WORK INSTRUCTIONS -
Find the lines of data that contain the string "board", then list them.

[Stored records]

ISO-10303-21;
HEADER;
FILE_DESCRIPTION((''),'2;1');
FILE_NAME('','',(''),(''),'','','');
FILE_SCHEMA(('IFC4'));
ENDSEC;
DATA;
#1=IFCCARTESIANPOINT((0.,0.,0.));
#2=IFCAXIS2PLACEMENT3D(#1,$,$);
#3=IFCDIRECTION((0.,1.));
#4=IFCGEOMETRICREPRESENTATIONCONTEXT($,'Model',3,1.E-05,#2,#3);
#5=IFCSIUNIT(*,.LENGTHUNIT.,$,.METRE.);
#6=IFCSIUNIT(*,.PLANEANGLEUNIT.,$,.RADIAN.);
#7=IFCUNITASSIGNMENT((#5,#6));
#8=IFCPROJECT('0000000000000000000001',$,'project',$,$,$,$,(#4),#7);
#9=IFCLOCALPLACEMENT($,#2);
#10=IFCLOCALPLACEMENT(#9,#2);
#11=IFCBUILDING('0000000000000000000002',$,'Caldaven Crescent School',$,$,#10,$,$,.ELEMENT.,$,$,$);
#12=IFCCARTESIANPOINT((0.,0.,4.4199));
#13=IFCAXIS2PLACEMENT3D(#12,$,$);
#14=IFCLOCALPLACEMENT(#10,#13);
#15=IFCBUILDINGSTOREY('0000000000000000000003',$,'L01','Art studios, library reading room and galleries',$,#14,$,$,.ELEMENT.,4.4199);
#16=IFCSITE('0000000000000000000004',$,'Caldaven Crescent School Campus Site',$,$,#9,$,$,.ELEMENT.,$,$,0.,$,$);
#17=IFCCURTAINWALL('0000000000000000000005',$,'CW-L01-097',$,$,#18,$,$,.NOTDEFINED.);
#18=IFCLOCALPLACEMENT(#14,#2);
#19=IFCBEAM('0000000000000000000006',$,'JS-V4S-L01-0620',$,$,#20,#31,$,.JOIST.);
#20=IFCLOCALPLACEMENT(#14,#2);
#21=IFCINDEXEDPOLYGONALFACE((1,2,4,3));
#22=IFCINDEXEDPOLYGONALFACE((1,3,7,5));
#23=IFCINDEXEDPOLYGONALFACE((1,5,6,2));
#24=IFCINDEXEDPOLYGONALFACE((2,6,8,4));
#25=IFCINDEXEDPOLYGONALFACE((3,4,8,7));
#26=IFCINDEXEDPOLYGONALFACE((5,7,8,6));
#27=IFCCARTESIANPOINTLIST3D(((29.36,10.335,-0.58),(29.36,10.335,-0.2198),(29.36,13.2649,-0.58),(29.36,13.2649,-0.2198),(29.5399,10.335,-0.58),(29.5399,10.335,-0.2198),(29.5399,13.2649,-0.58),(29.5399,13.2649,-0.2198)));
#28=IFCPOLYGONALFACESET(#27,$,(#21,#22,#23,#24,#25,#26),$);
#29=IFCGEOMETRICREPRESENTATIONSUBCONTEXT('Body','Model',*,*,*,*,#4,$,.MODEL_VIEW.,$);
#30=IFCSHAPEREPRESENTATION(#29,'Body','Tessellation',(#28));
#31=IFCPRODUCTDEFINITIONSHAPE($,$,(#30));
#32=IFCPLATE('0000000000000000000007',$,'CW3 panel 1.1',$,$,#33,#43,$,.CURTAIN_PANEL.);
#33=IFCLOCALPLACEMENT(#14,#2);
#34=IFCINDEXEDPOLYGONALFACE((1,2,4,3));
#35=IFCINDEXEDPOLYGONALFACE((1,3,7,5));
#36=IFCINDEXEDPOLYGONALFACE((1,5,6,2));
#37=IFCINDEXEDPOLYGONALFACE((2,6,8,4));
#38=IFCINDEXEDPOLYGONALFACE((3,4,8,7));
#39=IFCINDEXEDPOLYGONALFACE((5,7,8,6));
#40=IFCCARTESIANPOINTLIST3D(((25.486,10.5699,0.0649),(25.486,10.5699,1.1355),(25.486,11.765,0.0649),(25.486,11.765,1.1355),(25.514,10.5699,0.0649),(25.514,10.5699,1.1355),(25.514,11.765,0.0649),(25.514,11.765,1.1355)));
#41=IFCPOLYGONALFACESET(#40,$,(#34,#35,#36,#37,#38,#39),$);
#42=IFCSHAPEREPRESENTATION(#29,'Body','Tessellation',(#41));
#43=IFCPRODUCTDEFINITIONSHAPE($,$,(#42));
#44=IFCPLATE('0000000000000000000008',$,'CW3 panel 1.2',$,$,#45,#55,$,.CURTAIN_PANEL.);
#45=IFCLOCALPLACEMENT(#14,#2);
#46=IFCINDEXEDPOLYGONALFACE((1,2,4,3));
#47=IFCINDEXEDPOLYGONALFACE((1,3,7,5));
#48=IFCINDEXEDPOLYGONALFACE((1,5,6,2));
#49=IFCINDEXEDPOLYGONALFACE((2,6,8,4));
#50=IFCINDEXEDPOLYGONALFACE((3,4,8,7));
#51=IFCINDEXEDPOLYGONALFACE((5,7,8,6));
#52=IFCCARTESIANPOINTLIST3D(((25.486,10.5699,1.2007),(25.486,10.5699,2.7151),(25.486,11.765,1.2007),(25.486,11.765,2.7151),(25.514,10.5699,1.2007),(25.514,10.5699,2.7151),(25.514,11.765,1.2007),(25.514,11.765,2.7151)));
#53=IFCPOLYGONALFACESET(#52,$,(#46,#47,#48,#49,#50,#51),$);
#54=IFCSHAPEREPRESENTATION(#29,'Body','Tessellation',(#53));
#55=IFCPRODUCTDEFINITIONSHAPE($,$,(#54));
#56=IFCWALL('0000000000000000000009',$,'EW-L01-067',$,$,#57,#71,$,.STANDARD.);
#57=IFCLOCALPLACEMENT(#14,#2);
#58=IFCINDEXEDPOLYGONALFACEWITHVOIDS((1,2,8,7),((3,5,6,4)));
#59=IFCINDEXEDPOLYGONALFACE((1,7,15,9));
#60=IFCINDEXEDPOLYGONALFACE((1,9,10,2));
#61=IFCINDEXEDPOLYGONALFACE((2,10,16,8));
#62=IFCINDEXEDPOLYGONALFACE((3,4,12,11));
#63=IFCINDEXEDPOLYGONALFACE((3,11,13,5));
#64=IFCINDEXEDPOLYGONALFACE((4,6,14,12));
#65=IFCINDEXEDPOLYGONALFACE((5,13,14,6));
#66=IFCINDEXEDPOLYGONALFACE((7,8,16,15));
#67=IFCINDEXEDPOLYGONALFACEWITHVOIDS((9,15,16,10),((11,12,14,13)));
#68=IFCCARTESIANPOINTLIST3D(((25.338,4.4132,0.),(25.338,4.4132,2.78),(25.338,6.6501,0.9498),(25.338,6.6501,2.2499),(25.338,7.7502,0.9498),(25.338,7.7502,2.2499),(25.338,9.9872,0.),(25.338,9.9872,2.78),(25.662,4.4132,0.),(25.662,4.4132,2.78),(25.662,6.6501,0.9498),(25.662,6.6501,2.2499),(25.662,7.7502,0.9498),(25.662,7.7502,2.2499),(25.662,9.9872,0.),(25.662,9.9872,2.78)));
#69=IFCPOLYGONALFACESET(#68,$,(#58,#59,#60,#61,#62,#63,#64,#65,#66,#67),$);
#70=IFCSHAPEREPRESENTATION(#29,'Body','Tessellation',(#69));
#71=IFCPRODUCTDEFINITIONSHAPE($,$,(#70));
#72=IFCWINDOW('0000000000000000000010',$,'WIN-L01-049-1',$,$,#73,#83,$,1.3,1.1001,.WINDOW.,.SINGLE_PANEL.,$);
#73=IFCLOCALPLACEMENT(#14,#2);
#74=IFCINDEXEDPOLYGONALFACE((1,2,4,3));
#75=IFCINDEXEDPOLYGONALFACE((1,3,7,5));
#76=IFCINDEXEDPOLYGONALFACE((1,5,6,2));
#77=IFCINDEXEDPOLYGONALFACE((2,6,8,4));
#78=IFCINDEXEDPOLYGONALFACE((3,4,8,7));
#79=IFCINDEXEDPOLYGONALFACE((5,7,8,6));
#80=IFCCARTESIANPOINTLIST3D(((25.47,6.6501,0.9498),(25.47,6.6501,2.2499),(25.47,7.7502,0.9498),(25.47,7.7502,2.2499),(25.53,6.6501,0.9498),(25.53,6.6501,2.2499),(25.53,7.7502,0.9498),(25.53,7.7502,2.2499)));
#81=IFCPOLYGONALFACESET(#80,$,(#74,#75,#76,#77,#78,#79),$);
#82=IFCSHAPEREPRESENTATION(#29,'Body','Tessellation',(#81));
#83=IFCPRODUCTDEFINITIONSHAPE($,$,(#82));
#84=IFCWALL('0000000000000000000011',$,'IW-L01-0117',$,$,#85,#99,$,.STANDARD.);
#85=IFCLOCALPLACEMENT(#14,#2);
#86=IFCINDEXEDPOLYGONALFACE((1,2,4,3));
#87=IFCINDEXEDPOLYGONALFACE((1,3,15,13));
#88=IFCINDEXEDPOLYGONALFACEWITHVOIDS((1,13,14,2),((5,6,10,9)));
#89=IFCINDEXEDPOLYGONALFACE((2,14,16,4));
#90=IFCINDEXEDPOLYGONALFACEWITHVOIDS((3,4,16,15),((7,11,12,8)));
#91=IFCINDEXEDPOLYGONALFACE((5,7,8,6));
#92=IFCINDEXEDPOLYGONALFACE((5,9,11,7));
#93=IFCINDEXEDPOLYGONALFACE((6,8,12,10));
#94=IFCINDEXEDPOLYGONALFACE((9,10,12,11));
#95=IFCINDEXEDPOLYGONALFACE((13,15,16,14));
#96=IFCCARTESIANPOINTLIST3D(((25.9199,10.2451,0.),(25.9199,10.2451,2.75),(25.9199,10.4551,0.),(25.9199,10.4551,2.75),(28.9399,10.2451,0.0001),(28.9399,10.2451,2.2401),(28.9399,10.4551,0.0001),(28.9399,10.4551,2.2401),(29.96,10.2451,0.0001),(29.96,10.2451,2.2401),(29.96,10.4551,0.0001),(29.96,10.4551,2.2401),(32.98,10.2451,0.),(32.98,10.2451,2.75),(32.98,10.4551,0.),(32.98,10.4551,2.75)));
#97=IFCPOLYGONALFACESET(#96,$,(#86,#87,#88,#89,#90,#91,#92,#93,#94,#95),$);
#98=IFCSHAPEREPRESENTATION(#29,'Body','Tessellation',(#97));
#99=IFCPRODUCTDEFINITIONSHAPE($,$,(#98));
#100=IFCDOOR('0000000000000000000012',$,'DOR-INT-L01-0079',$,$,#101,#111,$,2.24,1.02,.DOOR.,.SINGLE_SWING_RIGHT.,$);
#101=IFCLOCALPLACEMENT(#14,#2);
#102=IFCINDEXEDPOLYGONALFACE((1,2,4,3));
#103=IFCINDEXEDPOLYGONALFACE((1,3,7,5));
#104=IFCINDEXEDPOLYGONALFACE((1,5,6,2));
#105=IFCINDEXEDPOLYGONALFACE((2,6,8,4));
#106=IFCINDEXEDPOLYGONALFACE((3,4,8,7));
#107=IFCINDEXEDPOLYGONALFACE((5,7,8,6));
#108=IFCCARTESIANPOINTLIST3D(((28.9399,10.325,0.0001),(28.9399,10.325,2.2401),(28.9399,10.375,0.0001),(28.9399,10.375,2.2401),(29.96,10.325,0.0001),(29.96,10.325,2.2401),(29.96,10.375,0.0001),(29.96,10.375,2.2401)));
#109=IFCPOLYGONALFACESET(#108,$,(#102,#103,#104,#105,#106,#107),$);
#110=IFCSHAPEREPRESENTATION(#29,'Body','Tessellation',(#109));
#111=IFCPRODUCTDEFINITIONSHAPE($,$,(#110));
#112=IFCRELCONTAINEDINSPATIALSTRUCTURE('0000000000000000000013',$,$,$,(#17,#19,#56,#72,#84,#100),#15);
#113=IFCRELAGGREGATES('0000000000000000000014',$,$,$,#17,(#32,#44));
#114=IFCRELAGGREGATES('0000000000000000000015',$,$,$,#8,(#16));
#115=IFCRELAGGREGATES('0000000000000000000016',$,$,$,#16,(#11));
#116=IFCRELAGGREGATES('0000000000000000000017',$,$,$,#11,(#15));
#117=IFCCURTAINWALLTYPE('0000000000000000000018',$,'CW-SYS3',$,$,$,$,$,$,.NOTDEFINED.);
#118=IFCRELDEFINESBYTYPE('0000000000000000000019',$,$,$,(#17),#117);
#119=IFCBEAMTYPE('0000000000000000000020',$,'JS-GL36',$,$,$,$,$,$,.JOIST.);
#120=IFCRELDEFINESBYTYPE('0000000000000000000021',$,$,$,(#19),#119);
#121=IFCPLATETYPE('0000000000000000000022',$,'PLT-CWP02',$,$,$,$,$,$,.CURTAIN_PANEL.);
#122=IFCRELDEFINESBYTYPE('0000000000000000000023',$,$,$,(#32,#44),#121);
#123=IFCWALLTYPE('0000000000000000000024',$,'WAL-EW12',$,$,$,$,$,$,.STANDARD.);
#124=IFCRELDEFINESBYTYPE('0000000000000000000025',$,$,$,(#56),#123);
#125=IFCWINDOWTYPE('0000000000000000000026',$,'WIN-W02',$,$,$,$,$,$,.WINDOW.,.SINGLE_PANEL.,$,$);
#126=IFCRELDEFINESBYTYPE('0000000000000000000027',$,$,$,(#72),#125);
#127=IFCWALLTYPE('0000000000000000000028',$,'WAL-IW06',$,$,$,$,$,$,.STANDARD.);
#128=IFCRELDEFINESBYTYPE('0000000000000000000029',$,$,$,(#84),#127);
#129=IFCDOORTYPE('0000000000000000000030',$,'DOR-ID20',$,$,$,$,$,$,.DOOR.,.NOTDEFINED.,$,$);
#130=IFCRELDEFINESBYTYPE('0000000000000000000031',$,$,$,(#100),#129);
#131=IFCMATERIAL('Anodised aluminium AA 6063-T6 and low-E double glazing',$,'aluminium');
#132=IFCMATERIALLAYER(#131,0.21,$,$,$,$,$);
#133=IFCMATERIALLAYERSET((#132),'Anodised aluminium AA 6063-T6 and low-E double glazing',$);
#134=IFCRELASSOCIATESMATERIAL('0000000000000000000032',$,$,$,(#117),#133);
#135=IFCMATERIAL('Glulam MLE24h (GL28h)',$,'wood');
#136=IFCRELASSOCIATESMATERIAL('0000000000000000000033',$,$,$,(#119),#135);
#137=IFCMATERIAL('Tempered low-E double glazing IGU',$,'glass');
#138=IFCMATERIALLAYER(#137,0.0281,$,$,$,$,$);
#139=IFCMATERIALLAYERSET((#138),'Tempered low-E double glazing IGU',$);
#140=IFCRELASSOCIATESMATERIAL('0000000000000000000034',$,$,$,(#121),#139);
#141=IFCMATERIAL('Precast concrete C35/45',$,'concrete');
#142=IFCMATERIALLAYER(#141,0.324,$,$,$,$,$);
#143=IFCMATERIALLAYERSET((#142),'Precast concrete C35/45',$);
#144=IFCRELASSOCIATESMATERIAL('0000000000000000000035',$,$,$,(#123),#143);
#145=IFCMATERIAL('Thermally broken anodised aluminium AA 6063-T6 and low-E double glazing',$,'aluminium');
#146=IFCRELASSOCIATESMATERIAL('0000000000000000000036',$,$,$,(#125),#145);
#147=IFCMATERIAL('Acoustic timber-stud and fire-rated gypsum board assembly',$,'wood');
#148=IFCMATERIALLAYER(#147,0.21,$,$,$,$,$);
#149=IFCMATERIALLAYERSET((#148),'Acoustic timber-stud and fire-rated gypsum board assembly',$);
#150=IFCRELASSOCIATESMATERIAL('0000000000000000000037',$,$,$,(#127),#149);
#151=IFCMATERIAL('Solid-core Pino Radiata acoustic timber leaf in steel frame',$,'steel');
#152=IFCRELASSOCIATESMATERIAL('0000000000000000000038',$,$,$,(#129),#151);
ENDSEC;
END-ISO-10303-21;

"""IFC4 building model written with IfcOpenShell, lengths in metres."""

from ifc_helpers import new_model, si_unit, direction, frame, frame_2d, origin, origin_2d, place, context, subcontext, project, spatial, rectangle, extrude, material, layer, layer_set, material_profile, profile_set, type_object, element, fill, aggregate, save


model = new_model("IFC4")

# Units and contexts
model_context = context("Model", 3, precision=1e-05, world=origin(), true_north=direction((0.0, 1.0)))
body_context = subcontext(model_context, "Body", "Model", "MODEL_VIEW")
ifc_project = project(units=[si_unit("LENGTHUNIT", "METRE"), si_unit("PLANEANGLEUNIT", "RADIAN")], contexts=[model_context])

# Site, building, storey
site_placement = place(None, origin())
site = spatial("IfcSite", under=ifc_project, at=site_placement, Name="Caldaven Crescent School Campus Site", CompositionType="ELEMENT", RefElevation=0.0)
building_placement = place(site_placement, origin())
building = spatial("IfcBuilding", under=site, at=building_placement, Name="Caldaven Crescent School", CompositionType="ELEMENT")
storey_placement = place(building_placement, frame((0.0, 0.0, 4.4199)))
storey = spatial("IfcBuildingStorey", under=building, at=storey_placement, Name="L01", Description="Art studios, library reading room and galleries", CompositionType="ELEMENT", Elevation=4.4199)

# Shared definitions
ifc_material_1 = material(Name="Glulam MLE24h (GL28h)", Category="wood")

SOLUTION FOR THIS PROBLEM -
#147=IFCMATERIAL('Acoustic timber-stud and fire-rated gypsum board assembly',$,'wood');
#149=IFCMATERIALLAYERSET((#148),'Acoustic timber-stud and fire-rated gypsum board assembly',$);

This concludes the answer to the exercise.